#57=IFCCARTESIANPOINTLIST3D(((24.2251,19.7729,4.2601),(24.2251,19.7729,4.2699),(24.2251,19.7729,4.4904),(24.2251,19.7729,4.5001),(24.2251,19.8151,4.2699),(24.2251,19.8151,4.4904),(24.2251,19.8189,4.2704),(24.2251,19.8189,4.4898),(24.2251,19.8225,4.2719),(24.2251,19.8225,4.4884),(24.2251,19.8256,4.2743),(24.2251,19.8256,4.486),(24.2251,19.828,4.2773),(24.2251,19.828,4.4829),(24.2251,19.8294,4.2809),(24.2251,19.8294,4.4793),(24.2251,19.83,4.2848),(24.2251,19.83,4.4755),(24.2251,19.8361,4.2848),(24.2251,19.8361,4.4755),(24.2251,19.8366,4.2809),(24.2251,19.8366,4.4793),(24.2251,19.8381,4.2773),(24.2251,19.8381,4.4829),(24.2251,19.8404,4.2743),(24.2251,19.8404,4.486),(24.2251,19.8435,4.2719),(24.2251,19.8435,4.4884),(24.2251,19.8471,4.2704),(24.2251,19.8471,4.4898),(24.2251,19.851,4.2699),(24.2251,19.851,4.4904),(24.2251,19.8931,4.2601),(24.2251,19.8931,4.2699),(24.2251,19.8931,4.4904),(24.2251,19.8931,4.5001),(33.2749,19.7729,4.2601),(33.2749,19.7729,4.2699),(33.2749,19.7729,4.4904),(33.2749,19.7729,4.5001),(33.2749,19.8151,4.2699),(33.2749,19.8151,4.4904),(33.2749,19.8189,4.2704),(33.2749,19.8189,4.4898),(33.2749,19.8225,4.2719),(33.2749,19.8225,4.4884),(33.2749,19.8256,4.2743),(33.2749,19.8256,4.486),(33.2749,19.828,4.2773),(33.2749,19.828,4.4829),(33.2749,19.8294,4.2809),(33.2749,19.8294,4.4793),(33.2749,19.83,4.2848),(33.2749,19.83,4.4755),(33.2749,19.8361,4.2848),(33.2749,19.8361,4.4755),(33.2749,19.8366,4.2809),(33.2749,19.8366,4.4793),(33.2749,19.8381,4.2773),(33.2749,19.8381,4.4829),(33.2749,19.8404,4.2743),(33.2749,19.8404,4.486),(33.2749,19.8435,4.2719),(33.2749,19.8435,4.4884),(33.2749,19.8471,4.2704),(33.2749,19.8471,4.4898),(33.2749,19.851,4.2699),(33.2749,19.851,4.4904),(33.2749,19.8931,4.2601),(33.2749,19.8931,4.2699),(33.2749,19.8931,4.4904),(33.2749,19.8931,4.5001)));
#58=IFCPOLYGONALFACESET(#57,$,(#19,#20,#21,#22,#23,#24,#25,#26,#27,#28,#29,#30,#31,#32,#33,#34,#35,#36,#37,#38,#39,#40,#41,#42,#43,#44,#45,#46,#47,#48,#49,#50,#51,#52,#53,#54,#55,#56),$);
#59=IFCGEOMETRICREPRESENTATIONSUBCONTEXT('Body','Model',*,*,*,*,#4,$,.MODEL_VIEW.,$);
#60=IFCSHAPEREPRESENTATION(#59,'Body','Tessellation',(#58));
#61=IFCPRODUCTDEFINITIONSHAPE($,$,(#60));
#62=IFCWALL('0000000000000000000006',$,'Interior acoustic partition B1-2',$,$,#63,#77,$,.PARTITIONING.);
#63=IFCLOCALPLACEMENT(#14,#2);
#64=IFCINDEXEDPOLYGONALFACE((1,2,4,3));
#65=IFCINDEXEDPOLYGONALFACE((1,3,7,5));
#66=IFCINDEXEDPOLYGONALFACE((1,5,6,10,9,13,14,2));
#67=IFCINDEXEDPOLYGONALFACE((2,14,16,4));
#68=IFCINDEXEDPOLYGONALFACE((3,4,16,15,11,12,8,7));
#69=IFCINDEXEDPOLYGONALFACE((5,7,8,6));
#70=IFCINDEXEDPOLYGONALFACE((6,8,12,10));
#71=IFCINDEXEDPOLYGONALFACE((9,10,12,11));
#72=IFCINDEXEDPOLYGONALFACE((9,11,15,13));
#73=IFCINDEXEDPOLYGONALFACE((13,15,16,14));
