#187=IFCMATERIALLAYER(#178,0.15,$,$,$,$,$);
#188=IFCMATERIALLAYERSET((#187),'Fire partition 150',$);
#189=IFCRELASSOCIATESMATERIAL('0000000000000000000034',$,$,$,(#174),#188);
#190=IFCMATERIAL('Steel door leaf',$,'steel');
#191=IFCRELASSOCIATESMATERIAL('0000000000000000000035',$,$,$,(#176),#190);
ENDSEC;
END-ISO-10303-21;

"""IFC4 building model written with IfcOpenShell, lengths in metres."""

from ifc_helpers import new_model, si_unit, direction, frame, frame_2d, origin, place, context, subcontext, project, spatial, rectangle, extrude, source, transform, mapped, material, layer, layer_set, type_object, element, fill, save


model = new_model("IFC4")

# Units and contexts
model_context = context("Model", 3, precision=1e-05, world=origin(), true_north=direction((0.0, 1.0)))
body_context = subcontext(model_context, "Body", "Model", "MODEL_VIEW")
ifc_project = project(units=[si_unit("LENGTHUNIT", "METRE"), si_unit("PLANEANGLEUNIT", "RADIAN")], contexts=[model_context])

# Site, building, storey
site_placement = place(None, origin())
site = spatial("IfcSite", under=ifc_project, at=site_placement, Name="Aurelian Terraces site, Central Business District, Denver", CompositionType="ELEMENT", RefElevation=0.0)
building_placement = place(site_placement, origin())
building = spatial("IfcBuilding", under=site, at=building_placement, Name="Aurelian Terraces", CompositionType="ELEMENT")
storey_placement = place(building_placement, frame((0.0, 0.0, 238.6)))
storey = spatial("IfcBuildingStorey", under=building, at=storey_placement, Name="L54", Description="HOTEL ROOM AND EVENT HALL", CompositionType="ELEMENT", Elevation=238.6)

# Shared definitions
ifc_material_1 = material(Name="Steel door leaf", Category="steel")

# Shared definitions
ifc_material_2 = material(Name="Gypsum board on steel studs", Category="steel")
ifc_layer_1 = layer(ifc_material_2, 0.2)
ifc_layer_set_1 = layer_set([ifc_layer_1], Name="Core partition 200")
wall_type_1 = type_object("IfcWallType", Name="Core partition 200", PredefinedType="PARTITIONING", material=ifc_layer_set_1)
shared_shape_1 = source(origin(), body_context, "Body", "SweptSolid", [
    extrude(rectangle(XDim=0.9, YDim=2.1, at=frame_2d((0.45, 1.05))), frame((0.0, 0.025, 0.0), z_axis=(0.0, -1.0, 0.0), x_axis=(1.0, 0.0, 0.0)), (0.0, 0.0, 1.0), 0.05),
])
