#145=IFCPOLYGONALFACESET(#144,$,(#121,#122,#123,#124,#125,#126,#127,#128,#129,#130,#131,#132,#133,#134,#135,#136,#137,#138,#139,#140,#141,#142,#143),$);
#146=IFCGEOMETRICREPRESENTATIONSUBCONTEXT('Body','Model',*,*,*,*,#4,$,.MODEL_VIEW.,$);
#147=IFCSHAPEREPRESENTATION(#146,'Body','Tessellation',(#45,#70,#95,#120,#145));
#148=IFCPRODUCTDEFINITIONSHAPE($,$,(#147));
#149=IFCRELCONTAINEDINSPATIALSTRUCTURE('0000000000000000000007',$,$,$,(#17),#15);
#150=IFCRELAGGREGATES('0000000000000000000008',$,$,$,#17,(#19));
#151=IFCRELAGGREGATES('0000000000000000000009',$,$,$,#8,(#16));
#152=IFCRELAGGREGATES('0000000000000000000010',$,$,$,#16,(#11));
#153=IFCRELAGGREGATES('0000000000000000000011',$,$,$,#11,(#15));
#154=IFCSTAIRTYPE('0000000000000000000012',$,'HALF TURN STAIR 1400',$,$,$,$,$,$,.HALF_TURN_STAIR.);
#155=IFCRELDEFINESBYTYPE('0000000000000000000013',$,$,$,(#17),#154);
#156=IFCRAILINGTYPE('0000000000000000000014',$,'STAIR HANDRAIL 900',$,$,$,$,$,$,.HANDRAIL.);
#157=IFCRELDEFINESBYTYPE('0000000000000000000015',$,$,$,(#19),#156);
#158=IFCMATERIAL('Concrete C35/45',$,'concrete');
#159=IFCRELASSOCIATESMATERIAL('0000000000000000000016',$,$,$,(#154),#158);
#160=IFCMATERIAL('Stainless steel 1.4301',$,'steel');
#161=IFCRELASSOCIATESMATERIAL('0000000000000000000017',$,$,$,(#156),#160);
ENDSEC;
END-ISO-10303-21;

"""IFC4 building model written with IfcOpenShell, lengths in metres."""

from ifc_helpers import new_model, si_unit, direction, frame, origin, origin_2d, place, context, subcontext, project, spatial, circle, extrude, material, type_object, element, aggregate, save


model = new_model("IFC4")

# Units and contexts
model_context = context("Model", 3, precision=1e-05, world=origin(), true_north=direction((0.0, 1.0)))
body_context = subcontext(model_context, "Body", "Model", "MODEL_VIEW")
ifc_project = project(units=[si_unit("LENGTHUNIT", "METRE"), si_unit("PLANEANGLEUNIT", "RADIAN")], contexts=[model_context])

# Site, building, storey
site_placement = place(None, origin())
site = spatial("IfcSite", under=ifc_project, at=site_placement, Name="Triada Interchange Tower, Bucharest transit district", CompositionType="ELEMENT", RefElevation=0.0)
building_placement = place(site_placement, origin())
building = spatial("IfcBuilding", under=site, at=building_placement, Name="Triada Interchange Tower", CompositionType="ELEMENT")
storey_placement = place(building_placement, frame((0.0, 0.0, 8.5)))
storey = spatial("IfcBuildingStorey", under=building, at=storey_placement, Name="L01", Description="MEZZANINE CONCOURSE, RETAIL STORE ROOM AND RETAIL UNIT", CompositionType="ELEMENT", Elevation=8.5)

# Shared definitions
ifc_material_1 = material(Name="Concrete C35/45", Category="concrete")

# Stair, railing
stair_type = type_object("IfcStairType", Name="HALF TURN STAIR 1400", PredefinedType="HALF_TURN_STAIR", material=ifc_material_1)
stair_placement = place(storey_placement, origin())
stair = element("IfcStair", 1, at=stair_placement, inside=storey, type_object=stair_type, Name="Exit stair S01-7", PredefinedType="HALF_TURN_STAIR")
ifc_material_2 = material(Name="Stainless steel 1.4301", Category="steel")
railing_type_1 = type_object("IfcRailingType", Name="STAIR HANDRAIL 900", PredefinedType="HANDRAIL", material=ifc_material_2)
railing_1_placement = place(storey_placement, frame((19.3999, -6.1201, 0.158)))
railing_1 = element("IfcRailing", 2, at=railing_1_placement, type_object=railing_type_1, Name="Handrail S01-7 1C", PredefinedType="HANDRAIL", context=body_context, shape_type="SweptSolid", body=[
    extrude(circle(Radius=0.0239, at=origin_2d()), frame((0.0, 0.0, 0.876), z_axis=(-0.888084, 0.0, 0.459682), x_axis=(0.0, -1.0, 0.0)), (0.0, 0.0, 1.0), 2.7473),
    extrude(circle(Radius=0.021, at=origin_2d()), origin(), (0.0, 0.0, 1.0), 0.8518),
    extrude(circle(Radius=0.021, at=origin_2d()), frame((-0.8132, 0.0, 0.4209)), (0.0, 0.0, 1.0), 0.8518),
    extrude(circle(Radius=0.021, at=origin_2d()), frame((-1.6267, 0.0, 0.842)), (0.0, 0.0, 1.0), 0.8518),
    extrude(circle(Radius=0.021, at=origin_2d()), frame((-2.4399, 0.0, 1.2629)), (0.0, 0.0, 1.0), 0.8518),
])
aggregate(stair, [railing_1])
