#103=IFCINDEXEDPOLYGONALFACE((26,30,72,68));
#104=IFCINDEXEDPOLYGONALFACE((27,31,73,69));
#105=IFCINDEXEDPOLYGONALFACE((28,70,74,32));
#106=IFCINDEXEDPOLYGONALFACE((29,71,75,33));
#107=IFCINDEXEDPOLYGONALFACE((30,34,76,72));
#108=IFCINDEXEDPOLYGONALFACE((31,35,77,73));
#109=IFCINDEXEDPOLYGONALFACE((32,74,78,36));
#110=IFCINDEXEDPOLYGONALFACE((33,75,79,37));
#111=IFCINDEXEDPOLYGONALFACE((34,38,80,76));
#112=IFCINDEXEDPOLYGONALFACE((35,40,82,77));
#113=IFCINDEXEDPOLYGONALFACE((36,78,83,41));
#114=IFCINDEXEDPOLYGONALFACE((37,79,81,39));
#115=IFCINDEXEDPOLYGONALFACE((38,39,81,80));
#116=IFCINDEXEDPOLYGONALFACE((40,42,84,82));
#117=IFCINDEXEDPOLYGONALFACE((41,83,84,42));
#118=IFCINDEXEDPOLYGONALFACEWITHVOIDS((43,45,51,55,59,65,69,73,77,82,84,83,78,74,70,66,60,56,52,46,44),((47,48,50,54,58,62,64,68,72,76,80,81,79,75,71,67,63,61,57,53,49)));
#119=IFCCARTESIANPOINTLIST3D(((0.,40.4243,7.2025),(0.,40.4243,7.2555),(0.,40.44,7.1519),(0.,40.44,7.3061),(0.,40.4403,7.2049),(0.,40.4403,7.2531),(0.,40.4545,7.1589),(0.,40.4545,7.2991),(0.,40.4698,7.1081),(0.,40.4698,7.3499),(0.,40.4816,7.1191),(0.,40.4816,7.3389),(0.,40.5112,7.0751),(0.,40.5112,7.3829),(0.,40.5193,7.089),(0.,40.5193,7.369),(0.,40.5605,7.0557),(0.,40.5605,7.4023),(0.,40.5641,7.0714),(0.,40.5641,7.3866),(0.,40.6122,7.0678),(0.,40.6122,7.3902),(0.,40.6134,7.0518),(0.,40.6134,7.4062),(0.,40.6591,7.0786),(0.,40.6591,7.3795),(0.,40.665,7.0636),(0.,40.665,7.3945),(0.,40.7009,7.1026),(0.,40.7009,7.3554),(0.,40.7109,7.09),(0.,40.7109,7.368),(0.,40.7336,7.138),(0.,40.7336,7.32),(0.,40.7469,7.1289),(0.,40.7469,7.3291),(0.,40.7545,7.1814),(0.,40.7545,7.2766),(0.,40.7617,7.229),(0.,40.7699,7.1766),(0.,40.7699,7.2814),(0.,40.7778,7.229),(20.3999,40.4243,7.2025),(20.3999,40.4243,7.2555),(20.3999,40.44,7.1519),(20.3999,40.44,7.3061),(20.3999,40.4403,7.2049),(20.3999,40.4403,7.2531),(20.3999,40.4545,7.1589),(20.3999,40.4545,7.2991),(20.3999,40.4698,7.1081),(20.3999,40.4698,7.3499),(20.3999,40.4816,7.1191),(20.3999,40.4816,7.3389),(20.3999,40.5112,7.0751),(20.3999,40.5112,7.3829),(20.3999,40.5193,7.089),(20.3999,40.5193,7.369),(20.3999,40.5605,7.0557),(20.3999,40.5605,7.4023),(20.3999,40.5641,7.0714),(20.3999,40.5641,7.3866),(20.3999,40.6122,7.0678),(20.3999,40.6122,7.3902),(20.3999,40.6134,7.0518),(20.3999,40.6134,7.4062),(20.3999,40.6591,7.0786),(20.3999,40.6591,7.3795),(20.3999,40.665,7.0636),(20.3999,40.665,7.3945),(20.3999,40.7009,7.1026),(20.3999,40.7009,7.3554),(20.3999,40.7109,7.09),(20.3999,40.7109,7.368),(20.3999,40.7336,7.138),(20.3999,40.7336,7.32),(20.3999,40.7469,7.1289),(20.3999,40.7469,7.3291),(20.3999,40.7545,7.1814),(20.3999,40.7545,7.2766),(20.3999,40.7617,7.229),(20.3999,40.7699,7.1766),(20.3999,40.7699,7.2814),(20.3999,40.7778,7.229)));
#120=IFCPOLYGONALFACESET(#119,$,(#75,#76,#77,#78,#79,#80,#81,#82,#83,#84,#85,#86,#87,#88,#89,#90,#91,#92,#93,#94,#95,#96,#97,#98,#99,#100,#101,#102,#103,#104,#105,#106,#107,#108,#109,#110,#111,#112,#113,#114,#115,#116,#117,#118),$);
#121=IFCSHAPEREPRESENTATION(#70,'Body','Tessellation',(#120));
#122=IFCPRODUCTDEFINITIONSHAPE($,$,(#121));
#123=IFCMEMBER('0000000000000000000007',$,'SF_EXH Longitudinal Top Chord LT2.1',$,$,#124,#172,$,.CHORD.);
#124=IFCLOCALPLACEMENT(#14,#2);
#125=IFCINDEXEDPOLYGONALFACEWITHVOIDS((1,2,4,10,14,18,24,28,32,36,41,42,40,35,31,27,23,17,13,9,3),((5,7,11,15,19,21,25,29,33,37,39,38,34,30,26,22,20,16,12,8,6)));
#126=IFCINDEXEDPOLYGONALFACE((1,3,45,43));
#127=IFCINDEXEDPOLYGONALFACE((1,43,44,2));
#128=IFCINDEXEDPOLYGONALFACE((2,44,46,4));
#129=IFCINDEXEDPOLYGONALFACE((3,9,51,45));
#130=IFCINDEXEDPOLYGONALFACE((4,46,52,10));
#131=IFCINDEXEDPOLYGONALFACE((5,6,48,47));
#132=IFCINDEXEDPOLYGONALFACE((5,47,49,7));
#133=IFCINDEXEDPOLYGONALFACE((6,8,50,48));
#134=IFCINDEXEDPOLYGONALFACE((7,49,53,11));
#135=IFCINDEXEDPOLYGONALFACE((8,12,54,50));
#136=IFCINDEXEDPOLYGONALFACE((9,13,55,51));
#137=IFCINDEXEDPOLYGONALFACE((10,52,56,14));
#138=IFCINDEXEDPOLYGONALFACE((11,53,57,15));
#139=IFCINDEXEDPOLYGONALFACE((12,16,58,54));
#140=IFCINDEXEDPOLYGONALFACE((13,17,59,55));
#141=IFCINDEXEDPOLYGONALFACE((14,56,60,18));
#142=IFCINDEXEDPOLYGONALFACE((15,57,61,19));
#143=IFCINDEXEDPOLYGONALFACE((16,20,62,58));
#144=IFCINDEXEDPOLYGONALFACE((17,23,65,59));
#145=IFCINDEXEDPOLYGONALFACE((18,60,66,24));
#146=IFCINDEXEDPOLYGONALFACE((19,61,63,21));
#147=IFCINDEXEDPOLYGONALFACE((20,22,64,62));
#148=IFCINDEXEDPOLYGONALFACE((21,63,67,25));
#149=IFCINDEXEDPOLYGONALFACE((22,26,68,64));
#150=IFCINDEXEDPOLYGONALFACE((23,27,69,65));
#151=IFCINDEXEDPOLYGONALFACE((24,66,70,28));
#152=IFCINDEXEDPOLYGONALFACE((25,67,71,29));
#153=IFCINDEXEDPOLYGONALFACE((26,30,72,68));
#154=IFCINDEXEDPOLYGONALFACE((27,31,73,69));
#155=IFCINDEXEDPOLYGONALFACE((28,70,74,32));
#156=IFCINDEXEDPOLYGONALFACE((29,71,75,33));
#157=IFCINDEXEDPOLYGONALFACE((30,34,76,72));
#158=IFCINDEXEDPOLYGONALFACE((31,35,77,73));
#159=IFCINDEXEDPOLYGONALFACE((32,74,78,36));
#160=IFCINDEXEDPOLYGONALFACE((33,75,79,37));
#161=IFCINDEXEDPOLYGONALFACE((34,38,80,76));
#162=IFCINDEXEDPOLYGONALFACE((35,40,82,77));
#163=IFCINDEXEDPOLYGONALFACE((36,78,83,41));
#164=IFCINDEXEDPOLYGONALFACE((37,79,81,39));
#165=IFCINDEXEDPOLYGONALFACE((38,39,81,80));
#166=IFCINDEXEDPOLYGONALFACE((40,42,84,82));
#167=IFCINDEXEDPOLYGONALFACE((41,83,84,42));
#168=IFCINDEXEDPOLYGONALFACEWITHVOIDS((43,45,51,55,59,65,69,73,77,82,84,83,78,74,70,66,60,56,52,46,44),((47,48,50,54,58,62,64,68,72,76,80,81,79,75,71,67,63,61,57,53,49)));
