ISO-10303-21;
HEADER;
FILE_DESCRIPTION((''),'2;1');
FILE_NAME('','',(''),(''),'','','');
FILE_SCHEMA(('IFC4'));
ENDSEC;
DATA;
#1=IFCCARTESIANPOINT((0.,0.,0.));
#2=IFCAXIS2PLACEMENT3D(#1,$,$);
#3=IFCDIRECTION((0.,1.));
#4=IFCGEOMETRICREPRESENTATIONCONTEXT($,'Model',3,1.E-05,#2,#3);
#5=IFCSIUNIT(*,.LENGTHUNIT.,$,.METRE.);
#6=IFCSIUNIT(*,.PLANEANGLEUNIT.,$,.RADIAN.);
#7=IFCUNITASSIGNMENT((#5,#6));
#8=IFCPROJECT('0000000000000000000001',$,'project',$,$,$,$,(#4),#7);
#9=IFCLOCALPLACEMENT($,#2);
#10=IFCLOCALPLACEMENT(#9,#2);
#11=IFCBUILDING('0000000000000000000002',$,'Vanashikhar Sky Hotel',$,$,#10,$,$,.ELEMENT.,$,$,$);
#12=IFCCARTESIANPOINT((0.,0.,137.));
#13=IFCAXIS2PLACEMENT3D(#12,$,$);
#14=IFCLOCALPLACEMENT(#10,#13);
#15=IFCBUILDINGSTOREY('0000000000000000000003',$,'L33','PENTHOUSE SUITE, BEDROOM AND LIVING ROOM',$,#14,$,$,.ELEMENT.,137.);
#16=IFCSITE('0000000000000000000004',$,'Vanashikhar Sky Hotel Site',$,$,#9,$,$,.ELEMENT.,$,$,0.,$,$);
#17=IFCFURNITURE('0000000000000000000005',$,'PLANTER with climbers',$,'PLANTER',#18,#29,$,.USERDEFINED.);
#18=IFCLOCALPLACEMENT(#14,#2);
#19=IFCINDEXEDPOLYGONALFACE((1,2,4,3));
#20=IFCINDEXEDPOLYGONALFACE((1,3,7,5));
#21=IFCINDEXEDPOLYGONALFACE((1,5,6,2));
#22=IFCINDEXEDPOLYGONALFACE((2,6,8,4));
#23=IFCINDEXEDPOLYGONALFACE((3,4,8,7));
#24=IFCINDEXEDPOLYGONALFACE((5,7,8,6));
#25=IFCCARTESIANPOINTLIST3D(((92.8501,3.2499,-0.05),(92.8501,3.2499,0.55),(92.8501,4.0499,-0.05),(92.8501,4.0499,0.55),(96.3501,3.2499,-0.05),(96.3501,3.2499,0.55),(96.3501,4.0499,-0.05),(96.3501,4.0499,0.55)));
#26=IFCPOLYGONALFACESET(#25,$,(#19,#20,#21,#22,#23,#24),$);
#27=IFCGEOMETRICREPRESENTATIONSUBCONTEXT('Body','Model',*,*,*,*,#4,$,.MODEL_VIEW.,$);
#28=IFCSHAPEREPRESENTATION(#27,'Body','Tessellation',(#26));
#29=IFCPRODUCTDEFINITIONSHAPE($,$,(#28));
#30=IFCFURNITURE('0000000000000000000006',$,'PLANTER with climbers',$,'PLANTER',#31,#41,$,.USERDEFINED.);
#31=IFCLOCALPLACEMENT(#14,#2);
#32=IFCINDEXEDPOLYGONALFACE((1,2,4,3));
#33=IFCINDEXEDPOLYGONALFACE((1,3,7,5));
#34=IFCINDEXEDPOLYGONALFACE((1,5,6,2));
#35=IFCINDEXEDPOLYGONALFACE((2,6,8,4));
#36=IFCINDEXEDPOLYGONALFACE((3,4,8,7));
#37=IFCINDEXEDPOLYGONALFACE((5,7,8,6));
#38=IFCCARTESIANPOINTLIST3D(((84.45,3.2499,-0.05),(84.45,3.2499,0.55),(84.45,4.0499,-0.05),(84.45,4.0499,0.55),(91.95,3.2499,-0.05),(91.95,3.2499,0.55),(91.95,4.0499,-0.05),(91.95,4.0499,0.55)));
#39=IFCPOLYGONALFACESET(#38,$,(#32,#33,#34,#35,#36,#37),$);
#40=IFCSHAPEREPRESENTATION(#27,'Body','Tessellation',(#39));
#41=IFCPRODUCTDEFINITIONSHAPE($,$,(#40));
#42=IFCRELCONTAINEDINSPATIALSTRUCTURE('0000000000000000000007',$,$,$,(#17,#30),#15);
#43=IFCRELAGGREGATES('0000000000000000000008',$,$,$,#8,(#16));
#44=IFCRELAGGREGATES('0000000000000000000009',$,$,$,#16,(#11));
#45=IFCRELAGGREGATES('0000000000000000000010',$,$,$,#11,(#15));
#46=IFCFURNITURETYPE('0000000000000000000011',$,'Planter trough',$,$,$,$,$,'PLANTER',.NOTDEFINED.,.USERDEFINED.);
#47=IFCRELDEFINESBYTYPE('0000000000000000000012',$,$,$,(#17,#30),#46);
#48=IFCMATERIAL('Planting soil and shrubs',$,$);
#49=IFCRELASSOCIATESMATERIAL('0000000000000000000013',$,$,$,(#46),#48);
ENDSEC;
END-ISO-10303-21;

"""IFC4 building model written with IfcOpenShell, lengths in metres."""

from ifc_helpers import new_model, si_unit, direction, frame, origin, origin_2d, place, context, subcontext, project, spatial, rectangle, extrude, source, transform, mapped, material, type_object, element, save


model = new_model("IFC4")

# Units and contexts
model_context = context("Model", 3, precision=1e-05, world=origin(), true_north=direction((0.0, 1.0)))
body_context = subcontext(model_context, "Body", "Model", "MODEL_VIEW")
ifc_project = project(units=[si_unit("LENGTHUNIT", "METRE"), si_unit("PLANEANGLEUNIT", "RADIAN")], contexts=[model_context])

# Site, building, storey
site_placement = place(None, origin())
site = spatial("IfcSite", under=ifc_project, at=site_placement, Name="Vanashikhar Sky Hotel Site", CompositionType="ELEMENT", RefElevation=0.0)
building_placement = place(site_placement, origin())
building = spatial("IfcBuilding", under=site, at=building_placement, Name="Vanashikhar Sky Hotel", CompositionType="ELEMENT")
storey_placement = place(building_placement, frame((0.0, 0.0, 137.0)))
storey = spatial("IfcBuildingStorey", under=building, at=storey_placement, Name="L33", Description="PENTHOUSE SUITE, BEDROOM AND LIVING ROOM", CompositionType="ELEMENT", Elevation=137.0)

# Furniture
ifc_material_1 = material(Name="Planting soil and shrubs")
furniture_type = type_object("IfcFurnitureType", Name="Planter trough", ElementType="PLANTER", AssemblyPlace="NOTDEFINED", PredefinedType="USERDEFINED", material=ifc_material_1)
shared_shape_1 = source(origin(), body_context, "Body", "SweptSolid", [
    extrude(rectangle(XDim=3.5, YDim=0.8, at=origin_2d()), origin(), (0.0, 0.0, 1.0), 0.6001),
])
furniture_1_placement = place(storey_placement, frame((94.6001, 3.6499, -0.05), z_axis=(0.0, 0.0, 1.0), x_axis=(1.0, 0.0, 0.0)))
element("IfcFurniture", 1, at=furniture_1_placement, inside=storey, type_object=furniture_type, Name="PLANTER with climbers", ObjectType="PLANTER", PredefinedType="USERDEFINED", context=body_context, shape_type="MappedRepresentation", body=[
    mapped(shared_shape_1, transform((0.0, 0.0, 0.0), scale=1.0)),
])
shared_shape_2 = source(origin(), body_context, "Body", "SweptSolid", [
    extrude(rectangle(XDim=7.5, YDim=0.8, at=origin_2d()), origin(), (0.0, 0.0, 1.0), 0.6001),
])
furniture_2_placement = place(storey_placement, frame((88.2, 3.6499, -0.05), z_axis=(0.0, 0.0, 1.0), x_axis=(1.0, 0.0, 0.0)))
element("IfcFurniture", 2, at=furniture_2_placement, inside=storey, type_object=furniture_type, Name="PLANTER with climbers", ObjectType="PLANTER", PredefinedType="USERDEFINED", context=body_context, shape_type="MappedRepresentation", body=[
    mapped(shared_shape_2, transform((0.0, 0.0, 0.0), scale=1.0)),
])

save(model, "model.ifc")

════

→ **WHAT TO DO**:
Taking the lines above one at a time, give the number of them that contain the string "IFCRELCONTAINEDINSPATIALSTRUCTURE". Add nothing else.

→ **RESPONSE AREA**:
2